Exercise goal ▸ Write out the stretch of lines below that begins at the line with "#34=IFCINDEXEDPOLYGONALFACE((13,15,16,14));" and ends at the line with "#52=IFCINDEXEDPOLYGONALFACE((37,39,40,38));", including both, exactly as given and nothing more.

Material for the task ▸

____________

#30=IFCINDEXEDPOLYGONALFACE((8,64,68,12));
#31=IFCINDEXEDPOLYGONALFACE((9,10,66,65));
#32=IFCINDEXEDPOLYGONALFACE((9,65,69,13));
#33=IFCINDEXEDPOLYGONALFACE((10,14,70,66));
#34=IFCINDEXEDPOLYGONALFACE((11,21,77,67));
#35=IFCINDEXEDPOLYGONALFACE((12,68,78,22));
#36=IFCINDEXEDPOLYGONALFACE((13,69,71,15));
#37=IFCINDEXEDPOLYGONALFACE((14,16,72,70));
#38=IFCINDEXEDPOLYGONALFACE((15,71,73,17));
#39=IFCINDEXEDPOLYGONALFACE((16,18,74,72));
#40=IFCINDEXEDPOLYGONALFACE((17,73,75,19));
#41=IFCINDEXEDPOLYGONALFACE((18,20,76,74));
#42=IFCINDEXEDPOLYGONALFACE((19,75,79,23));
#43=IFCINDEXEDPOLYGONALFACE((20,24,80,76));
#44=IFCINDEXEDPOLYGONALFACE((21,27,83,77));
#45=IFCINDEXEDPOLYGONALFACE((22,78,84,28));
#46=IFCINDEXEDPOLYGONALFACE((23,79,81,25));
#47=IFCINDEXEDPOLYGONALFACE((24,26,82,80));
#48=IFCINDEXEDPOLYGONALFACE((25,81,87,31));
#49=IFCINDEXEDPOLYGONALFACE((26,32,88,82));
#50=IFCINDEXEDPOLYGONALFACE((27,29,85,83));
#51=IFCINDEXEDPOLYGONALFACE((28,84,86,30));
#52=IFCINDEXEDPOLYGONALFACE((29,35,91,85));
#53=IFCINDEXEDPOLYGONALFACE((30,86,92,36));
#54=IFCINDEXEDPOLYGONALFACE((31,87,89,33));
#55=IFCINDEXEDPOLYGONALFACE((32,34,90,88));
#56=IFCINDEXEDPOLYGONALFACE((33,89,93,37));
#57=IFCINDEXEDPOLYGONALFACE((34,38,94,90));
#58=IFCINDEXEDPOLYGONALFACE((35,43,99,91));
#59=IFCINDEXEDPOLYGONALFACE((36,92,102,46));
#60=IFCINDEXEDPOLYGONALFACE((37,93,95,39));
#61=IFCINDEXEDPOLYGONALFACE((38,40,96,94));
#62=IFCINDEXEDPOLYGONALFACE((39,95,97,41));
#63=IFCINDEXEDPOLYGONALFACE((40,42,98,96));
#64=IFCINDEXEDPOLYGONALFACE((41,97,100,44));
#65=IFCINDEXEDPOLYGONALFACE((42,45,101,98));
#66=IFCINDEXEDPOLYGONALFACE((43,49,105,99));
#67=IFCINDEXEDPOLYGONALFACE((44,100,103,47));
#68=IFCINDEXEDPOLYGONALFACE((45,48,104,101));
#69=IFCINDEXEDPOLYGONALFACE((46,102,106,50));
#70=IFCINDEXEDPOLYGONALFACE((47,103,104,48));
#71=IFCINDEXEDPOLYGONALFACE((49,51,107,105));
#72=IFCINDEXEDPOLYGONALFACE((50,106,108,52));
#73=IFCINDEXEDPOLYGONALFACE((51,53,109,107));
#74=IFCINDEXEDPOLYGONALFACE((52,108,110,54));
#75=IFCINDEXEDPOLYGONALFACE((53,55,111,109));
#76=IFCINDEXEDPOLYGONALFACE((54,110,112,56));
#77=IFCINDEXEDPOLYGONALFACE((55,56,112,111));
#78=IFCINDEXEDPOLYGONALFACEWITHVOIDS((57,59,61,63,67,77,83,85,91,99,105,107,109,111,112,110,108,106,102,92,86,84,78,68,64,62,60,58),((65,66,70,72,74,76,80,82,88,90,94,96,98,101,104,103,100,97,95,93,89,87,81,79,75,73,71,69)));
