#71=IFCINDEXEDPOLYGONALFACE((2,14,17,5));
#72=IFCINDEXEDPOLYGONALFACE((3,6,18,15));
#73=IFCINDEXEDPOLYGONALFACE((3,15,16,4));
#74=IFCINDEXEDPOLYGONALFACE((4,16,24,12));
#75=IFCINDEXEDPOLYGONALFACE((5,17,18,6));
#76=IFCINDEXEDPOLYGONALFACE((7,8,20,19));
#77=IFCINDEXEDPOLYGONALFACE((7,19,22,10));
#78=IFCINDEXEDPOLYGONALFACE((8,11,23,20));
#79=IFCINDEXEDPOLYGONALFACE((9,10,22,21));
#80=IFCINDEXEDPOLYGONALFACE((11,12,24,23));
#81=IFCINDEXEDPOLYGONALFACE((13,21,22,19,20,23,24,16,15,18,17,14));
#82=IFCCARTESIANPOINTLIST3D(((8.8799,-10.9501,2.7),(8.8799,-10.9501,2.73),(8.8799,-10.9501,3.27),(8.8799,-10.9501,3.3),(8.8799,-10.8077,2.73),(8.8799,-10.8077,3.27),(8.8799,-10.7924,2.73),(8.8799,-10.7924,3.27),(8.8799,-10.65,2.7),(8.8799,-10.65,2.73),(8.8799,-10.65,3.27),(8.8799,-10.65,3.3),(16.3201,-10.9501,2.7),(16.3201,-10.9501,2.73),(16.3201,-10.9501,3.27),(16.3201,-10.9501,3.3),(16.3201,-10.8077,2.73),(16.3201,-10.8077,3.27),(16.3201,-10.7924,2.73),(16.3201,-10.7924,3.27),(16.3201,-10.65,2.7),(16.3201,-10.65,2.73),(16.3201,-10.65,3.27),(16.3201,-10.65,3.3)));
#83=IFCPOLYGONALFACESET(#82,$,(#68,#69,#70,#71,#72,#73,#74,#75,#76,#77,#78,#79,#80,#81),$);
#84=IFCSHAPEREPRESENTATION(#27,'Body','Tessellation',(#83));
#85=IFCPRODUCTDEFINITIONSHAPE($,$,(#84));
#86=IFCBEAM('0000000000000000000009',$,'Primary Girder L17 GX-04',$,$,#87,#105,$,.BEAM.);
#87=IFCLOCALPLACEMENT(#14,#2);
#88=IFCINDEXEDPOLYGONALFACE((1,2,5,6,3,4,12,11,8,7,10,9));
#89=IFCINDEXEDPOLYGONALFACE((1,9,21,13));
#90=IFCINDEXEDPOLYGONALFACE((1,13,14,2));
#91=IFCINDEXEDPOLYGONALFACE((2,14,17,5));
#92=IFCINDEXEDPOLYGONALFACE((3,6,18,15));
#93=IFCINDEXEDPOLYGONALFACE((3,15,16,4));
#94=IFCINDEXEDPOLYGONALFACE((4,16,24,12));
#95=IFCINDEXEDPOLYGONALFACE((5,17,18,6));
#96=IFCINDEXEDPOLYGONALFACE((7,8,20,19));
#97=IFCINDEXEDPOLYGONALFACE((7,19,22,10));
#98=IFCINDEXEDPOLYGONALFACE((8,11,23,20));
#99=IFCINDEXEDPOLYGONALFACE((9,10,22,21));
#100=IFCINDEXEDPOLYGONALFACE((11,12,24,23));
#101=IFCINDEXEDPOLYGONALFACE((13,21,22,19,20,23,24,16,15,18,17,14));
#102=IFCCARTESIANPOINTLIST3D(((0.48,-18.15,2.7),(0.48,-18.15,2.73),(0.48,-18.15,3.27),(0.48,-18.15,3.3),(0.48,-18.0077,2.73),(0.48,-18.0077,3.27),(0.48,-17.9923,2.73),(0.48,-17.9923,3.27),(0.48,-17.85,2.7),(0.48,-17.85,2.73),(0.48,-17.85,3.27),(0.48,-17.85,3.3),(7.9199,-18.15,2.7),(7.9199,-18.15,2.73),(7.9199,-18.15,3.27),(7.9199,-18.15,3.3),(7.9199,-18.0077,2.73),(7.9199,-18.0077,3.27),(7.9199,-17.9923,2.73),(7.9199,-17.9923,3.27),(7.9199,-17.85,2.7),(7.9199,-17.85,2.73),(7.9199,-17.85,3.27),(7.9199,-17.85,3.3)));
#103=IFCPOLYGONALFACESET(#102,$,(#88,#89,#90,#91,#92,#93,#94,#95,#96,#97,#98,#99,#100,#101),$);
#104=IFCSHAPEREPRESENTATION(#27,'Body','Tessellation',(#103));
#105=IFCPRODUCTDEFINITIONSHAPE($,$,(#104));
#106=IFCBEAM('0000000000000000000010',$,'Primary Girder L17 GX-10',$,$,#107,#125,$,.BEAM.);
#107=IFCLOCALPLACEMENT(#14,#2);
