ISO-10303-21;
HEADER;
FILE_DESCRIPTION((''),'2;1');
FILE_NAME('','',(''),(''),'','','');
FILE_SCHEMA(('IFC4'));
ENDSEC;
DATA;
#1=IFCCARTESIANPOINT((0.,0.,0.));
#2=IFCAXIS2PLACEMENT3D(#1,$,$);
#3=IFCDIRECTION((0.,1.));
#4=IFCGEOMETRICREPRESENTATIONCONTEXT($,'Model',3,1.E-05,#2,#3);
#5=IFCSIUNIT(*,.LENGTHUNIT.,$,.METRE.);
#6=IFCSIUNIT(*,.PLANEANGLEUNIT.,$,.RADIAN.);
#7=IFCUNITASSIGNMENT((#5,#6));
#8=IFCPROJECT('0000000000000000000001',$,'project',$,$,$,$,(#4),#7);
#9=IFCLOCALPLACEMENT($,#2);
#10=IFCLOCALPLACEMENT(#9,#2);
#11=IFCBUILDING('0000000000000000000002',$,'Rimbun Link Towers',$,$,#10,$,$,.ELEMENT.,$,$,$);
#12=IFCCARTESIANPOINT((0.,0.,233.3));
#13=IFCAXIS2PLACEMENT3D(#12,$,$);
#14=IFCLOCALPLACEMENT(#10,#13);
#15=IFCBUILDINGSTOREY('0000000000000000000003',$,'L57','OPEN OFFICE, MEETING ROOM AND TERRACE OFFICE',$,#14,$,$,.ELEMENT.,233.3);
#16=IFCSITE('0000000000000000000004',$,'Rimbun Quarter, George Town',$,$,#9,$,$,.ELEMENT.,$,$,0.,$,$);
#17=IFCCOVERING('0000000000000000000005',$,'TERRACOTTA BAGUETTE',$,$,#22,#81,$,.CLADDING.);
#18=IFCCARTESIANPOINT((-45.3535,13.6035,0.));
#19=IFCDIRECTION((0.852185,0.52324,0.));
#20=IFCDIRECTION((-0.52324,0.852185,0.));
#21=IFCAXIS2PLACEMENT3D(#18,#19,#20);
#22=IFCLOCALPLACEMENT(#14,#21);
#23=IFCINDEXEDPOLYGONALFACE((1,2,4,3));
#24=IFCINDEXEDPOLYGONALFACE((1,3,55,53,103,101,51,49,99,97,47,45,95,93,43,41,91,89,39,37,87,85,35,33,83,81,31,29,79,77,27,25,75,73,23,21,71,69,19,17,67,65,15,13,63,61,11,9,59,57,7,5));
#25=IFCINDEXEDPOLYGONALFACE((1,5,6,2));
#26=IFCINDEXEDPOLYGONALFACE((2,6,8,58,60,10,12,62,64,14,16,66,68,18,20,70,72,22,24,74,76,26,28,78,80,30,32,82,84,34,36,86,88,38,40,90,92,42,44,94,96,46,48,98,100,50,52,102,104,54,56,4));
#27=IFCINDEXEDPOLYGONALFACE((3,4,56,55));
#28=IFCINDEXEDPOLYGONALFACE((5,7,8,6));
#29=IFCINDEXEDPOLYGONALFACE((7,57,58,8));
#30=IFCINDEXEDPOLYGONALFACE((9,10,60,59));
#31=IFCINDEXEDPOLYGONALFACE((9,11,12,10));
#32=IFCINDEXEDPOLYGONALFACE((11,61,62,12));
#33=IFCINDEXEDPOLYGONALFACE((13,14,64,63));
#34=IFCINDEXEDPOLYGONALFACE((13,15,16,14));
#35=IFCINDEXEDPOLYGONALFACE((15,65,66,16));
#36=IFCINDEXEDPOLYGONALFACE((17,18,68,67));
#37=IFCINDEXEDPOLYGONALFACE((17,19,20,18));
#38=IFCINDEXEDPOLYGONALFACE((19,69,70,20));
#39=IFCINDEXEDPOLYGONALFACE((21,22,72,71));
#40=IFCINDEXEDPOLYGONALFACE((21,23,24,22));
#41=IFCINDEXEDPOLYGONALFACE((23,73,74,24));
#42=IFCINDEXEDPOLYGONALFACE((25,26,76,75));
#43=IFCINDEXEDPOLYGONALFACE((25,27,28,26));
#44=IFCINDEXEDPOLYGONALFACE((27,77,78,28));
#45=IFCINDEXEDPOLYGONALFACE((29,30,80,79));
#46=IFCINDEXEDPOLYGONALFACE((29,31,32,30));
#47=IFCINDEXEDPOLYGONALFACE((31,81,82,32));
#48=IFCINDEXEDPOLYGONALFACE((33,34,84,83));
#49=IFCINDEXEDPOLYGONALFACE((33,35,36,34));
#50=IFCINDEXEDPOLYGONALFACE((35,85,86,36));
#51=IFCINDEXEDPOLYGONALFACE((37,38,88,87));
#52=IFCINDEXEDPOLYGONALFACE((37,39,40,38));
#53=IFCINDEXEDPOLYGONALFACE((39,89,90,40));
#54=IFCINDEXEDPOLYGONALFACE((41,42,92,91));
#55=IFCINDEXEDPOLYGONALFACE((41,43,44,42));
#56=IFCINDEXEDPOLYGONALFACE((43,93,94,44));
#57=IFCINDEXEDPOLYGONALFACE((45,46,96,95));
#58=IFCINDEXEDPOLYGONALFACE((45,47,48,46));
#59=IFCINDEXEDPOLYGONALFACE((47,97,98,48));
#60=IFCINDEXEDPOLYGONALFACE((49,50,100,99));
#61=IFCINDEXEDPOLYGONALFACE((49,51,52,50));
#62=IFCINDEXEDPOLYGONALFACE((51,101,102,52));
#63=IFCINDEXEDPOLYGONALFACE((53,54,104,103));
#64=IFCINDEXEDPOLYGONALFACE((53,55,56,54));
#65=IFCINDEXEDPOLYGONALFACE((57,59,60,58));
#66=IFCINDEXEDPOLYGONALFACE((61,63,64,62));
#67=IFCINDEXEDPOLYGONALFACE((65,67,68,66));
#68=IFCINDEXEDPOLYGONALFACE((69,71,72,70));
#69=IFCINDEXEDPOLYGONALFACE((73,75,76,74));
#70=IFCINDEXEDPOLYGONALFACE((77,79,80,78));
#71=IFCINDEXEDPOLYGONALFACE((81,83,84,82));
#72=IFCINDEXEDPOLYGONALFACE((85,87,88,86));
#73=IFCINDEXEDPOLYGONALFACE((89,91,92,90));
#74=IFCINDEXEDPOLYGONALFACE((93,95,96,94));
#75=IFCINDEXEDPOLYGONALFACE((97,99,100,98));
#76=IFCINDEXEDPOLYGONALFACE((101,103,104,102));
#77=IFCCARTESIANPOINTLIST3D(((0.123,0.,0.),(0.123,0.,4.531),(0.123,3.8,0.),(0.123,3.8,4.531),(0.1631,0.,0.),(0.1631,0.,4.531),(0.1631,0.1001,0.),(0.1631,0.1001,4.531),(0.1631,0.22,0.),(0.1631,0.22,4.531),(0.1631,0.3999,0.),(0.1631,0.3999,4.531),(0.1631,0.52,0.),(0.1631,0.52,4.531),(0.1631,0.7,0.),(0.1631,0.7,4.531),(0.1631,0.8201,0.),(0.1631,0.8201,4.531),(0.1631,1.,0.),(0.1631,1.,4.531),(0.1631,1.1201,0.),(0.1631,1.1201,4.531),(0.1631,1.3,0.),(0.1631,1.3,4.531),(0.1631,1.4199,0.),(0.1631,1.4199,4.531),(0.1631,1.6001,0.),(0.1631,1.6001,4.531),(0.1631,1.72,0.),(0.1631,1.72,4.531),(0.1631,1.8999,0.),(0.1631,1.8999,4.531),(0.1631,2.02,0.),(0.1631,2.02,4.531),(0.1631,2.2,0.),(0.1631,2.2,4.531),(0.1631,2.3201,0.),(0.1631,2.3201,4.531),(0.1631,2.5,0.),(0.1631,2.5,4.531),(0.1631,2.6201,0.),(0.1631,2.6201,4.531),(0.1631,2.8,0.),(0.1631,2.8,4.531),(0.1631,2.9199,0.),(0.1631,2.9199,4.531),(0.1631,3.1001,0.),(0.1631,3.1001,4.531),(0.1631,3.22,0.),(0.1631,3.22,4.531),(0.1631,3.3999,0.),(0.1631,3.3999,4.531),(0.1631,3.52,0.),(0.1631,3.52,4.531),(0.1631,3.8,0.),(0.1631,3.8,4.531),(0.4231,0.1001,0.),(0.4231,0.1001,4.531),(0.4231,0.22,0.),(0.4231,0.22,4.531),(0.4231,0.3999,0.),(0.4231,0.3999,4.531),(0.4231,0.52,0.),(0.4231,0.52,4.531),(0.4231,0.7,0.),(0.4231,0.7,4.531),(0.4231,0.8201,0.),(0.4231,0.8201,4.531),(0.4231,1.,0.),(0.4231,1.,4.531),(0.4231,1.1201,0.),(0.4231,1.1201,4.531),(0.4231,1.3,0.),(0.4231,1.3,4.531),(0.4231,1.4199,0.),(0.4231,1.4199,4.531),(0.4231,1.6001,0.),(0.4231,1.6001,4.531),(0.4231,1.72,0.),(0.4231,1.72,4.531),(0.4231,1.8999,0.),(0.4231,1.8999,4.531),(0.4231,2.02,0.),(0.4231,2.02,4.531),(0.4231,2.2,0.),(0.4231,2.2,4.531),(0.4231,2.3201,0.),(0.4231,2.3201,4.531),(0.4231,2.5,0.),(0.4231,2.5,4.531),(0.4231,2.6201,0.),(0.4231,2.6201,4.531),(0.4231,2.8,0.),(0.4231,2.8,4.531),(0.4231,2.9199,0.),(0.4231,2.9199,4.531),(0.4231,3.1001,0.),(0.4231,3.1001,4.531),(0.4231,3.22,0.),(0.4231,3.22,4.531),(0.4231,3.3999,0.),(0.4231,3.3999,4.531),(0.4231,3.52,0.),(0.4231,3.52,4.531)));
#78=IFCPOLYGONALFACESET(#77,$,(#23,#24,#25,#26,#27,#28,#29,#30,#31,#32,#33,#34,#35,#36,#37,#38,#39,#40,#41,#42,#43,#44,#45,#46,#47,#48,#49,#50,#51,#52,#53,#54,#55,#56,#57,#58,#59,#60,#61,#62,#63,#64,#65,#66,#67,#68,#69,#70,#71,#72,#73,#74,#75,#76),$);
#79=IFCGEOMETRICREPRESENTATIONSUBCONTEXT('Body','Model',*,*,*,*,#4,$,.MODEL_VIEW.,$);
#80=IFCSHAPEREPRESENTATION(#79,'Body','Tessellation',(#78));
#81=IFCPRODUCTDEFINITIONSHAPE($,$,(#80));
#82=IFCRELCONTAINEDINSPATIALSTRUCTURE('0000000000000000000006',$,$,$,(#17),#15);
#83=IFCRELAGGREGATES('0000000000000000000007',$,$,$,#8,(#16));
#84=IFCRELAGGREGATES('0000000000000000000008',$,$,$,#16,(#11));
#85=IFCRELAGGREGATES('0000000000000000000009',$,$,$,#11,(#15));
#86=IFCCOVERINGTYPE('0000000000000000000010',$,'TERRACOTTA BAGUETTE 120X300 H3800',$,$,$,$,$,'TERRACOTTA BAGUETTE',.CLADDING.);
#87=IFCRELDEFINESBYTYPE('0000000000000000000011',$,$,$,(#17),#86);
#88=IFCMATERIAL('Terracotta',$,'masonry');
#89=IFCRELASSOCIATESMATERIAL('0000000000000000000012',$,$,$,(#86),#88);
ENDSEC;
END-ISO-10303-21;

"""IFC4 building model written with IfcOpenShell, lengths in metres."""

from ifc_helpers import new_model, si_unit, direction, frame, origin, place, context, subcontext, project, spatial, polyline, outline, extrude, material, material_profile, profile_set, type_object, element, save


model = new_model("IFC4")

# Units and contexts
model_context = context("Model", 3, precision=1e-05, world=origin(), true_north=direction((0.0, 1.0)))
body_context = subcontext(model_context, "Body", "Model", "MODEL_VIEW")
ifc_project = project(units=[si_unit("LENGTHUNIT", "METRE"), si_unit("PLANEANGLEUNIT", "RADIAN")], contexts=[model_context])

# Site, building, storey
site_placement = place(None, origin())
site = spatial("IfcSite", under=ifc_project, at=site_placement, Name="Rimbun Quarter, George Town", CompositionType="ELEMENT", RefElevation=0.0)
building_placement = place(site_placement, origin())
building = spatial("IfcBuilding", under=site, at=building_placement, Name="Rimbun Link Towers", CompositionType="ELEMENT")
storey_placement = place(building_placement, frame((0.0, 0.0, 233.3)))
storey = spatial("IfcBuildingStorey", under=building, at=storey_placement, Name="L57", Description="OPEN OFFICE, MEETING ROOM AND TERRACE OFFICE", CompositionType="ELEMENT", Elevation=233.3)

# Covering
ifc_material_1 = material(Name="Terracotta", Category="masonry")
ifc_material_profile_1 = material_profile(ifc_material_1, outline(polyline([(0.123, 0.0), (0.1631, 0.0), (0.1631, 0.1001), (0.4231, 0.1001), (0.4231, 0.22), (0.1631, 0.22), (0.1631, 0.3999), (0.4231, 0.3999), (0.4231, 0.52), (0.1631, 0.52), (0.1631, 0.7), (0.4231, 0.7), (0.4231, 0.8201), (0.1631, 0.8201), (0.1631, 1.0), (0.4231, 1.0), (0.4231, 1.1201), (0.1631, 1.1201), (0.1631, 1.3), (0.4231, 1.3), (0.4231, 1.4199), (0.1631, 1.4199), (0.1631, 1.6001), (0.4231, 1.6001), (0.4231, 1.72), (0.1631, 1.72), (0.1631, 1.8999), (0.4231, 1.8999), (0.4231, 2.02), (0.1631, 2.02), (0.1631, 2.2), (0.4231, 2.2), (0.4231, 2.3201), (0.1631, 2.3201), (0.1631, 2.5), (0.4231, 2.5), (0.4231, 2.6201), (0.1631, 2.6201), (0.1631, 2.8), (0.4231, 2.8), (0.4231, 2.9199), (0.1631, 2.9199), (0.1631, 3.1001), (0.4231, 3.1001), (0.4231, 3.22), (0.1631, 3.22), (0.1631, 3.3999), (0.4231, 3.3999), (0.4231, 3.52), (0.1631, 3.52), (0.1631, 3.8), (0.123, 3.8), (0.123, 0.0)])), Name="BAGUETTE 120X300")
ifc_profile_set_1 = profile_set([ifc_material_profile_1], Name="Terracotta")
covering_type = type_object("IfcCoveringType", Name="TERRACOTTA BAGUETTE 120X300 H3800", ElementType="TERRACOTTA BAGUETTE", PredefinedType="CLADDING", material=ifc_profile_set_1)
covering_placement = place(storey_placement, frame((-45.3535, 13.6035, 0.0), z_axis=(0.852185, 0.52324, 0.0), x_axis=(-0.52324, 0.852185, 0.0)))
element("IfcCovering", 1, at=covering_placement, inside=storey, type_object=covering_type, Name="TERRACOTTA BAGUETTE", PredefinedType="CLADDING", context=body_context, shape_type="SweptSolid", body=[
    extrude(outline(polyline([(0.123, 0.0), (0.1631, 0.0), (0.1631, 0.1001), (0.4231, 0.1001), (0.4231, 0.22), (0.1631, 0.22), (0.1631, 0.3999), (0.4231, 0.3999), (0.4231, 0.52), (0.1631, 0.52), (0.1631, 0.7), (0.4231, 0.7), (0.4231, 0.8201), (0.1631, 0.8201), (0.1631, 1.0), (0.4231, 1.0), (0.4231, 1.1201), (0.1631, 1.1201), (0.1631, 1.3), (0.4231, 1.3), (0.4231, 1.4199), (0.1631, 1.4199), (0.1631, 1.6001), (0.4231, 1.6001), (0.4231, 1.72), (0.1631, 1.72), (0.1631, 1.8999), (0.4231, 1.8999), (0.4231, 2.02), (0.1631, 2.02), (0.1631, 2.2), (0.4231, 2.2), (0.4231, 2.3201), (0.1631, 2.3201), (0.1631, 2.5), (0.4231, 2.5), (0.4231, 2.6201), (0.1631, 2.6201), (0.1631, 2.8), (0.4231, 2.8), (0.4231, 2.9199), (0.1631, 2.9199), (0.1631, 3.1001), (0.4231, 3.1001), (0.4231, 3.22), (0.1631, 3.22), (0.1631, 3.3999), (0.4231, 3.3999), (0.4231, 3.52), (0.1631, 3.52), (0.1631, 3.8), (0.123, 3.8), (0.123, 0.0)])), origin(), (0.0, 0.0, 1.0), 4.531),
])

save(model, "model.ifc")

____________

Exercise response ▸
#34=IFCINDEXEDPOLYGONALFACE((13,15,16,14));
#35=IFCINDEXEDPOLYGONALFACE((15,65,66,16));
#36=IFCINDEXEDPOLYGONALFACE((17,18,68,67));
#37=IFCINDEXEDPOLYGONALFACE((17,19,20,18));
#38=IFCINDEXEDPOLYGONALFACE((19,69,70,20));
#39=IFCINDEXEDPOLYGONALFACE((21,22,72,71));
#40=IFCINDEXEDPOLYGONALFACE((21,23,24,22));
#41=IFCINDEXEDPOLYGONALFACE((23,73,74,24));
#42=IFCINDEXEDPOLYGONALFACE((25,26,76,75));
#43=IFCINDEXEDPOLYGONALFACE((25,27,28,26));
#44=IFCINDEXEDPOLYGONALFACE((27,77,78,28));
#45=IFCINDEXEDPOLYGONALFACE((29,30,80,79));
#46=IFCINDEXEDPOLYGONALFACE((29,31,32,30));
#47=IFCINDEXEDPOLYGONALFACE((31,81,82,32));
#48=IFCINDEXEDPOLYGONALFACE((33,34,84,83));
#49=IFCINDEXEDPOLYGONALFACE((33,35,36,34));
#50=IFCINDEXEDPOLYGONALFACE((35,85,86,36));
#51=IFCINDEXEDPOLYGONALFACE((37,38,88,87));
#52=IFCINDEXEDPOLYGONALFACE((37,39,40,38));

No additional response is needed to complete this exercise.